Raw data –
——————
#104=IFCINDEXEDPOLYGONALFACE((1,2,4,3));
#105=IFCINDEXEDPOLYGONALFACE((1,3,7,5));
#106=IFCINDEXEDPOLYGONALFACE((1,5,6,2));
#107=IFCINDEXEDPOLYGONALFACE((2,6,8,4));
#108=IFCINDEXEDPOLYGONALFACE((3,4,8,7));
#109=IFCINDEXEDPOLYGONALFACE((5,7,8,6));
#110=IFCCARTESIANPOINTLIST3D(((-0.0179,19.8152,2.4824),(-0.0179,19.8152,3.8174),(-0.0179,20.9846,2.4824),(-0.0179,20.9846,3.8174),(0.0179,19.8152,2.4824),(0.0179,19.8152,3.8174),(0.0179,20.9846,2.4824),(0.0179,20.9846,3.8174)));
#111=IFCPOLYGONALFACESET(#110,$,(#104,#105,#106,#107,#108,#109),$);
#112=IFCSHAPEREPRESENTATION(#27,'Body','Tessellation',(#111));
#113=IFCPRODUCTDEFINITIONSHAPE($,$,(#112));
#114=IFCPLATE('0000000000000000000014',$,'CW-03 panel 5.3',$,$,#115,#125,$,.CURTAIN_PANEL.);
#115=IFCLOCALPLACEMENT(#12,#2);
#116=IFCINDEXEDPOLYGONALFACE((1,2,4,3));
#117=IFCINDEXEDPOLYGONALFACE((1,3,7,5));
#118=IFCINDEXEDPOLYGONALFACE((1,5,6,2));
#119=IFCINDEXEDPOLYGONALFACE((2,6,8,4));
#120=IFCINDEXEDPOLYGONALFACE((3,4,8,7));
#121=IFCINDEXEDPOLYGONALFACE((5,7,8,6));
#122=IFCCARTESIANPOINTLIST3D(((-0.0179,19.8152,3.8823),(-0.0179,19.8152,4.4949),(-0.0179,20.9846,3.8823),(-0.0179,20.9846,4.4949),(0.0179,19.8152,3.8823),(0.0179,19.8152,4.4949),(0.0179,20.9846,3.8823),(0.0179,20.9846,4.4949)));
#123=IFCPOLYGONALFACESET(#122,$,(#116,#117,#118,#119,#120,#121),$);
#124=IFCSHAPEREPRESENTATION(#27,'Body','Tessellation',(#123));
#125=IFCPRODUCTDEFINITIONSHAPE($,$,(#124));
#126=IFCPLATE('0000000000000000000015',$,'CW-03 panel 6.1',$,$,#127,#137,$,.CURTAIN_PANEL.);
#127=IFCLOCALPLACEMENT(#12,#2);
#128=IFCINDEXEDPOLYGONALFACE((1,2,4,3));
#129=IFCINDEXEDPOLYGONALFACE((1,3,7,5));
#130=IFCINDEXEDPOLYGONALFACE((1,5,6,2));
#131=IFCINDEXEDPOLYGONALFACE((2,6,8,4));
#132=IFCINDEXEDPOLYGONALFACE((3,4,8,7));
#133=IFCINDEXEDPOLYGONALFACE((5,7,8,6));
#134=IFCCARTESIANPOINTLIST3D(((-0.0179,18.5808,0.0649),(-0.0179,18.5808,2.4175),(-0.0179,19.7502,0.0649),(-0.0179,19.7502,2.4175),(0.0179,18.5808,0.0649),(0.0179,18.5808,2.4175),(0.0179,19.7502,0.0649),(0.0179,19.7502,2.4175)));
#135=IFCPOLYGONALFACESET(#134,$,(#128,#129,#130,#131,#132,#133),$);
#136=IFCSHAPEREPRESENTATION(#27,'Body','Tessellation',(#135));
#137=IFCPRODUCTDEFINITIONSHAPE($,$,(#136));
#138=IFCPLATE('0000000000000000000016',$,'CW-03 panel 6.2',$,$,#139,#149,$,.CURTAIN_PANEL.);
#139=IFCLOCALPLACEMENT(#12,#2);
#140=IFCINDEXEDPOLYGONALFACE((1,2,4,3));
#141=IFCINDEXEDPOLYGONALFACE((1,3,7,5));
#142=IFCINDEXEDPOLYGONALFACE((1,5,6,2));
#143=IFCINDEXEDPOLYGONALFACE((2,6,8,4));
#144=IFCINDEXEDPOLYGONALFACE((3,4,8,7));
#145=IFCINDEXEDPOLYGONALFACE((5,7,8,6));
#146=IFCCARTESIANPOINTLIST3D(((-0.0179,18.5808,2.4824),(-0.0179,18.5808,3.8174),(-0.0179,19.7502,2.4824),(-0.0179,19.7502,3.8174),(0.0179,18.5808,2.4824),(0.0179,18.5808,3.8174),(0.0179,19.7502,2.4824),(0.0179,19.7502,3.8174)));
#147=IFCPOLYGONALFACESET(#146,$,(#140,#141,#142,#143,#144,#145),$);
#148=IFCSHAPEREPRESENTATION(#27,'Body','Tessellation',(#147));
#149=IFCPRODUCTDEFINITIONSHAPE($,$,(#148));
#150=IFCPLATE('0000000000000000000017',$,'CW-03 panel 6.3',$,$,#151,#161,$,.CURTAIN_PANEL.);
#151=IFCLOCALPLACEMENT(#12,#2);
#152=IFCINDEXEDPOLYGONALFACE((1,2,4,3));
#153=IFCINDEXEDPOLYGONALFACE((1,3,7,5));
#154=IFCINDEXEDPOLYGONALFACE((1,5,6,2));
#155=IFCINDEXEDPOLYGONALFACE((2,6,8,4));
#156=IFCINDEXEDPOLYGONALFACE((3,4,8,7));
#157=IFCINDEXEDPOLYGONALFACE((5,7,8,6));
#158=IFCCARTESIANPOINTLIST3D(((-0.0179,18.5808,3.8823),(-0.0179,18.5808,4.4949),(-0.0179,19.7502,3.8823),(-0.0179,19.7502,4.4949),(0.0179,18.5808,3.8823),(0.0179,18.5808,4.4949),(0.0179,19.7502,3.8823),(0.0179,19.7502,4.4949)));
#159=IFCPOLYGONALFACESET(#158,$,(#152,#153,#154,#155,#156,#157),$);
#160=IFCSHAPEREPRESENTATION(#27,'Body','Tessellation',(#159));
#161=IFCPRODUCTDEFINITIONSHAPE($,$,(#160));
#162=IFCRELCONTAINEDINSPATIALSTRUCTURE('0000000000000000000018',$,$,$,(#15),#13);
——————
Exercise goal –
Quote each line above in full, word for word.

Reply to the exercise –
#104=IFCINDEXEDPOLYGONALFACE((1,2,4,3));
#105=IFCINDEXEDPOLYGONALFACE((1,3,7,5));
#106=IFCINDEXEDPOLYGONALFACE((1,5,6,2));
#107=IFCINDEXEDPOLYGONALFACE((2,6,8,4));
#108=IFCINDEXEDPOLYGONALFACE((3,4,8,7));
#109=IFCINDEXEDPOLYGONALFACE((5,7,8,6));
#110=IFCCARTESIANPOINTLIST3D(((-0.0179,19.8152,2.4824),(-0.0179,19.8152,3.8174),(-0.0179,20.9846,2.4824),(-0.0179,20.9846,3.8174),(0.0179,19.8152,2.4824),(0.0179,19.8152,3.8174),(0.0179,20.9846,2.4824),(0.0179,20.9846,3.8174)));
#111=IFCPOLYGONALFACESET(#110,$,(#104,#105,#106,#107,#108,#109),$);
#112=IFCSHAPEREPRESENTATION(#27,'Body','Tessellation',(#111));
#113=IFCPRODUCTDEFINITIONSHAPE($,$,(#112));
#114=IFCPLATE('0000000000000000000014',$,'CW-03 panel 5.3',$,$,#115,#125,$,.CURTAIN_PANEL.);
#115=IFCLOCALPLACEMENT(#12,#2);
#116=IFCINDEXEDPOLYGONALFACE((1,2,4,3));
#117=IFCINDEXEDPOLYGONALFACE((1,3,7,5));
#118=IFCINDEXEDPOLYGONALFACE((1,5,6,2));
#119=IFCINDEXEDPOLYGONALFACE((2,6,8,4));
#120=IFCINDEXEDPOLYGONALFACE((3,4,8,7));
#121=IFCINDEXEDPOLYGONALFACE((5,7,8,6));
#122=IFCCARTESIANPOINTLIST3D(((-0.0179,19.8152,3.8823),(-0.0179,19.8152,4.4949),(-0.0179,20.9846,3.8823),(-0.0179,20.9846,4.4949),(0.0179,19.8152,3.8823),(0.0179,19.8152,4.4949),(0.0179,20.9846,3.8823),(0.0179,20.9846,4.4949)));
#123=IFCPOLYGONALFACESET(#122,$,(#116,#117,#118,#119,#120,#121),$);
#124=IFCSHAPEREPRESENTATION(#27,'Body','Tessellation',(#123));
#125=IFCPRODUCTDEFINITIONSHAPE($,$,(#124));
#126=IFCPLATE('0000000000000000000015',$,'CW-03 panel 6.1',$,$,#127,#137,$,.CURTAIN_PANEL.);
#127=IFCLOCALPLACEMENT(#12,#2);
#128=IFCINDEXEDPOLYGONALFACE((1,2,4,3));
#129=IFCINDEXEDPOLYGONALFACE((1,3,7,5));
#130=IFCINDEXEDPOLYGONALFACE((1,5,6,2));
#131=IFCINDEXEDPOLYGONALFACE((2,6,8,4));
#132=IFCINDEXEDPOLYGONALFACE((3,4,8,7));
#133=IFCINDEXEDPOLYGONALFACE((5,7,8,6));
#134=IFCCARTESIANPOINTLIST3D(((-0.0179,18.5808,0.0649),(-0.0179,18.5808,2.4175),(-0.0179,19.7502,0.0649),(-0.0179,19.7502,2.4175),(0.0179,18.5808,0.0649),(0.0179,18.5808,2.4175),(0.0179,19.7502,0.0649),(0.0179,19.7502,2.4175)));
#135=IFCPOLYGONALFACESET(#134,$,(#128,#129,#130,#131,#132,#133),$);
#136=IFCSHAPEREPRESENTATION(#27,'Body','Tessellation',(#135));
#137=IFCPRODUCTDEFINITIONSHAPE($,$,(#136));
#138=IFCPLATE('0000000000000000000016',$,'CW-03 panel 6.2',$,$,#139,#149,$,.CURTAIN_PANEL.);
#139=IFCLOCALPLACEMENT(#12,#2);
#140=IFCINDEXEDPOLYGONALFACE((1,2,4,3));
#141=IFCINDEXEDPOLYGONALFACE((1,3,7,5));
#142=IFCINDEXEDPOLYGONALFACE((1,5,6,2));
#143=IFCINDEXEDPOLYGONALFACE((2,6,8,4));
#144=IFCINDEXEDPOLYGONALFACE((3,4,8,7));
#145=IFCINDEXEDPOLYGONALFACE((5,7,8,6));
#146=IFCCARTESIANPOINTLIST3D(((-0.0179,18.5808,2.4824),(-0.0179,18.5808,3.8174),(-0.0179,19.7502,2.4824),(-0.0179,19.7502,3.8174),(0.0179,18.5808,2.4824),(0.0179,18.5808,3.8174),(0.0179,19.7502,2.4824),(0.0179,19.7502,3.8174)));
#147=IFCPOLYGONALFACESET(#146,$,(#140,#141,#142,#143,#144,#145),$);
#148=IFCSHAPEREPRESENTATION(#27,'Body','Tessellation',(#147));
#149=IFCPRODUCTDEFINITIONSHAPE($,$,(#148));
#150=IFCPLATE('0000000000000000000017',$,'CW-03 panel 6.3',$,$,#151,#161,$,.CURTAIN_PANEL.);
#151=IFCLOCALPLACEMENT(#12,#2);
#152=IFCINDEXEDPOLYGONALFACE((1,2,4,3));
#153=IFCINDEXEDPOLYGONALFACE((1,3,7,5));
#154=IFCINDEXEDPOLYGONALFACE((1,5,6,2));
#155=IFCINDEXEDPOLYGONALFACE((2,6,8,4));
#156=IFCINDEXEDPOLYGONALFACE((3,4,8,7));
#157=IFCINDEXEDPOLYGONALFACE((5,7,8,6));
#158=IFCCARTESIANPOINTLIST3D(((-0.0179,18.5808,3.8823),(-0.0179,18.5808,4.4949),(-0.0179,19.7502,3.8823),(-0.0179,19.7502,4.4949),(0.0179,18.5808,3.8823),(0.0179,18.5808,4.4949),(0.0179,19.7502,3.8823),(0.0179,19.7502,4.4949)));
#159=IFCPOLYGONALFACESET(#158,$,(#152,#153,#154,#155,#156,#157),$);
#160=IFCSHAPEREPRESENTATION(#27,'Body','Tessellation',(#159));
#161=IFCPRODUCTDEFINITIONSHAPE($,$,(#160));
#162=IFCRELCONTAINEDINSPATIALSTRUCTURE('0000000000000000000018',$,$,$,(#15),#13);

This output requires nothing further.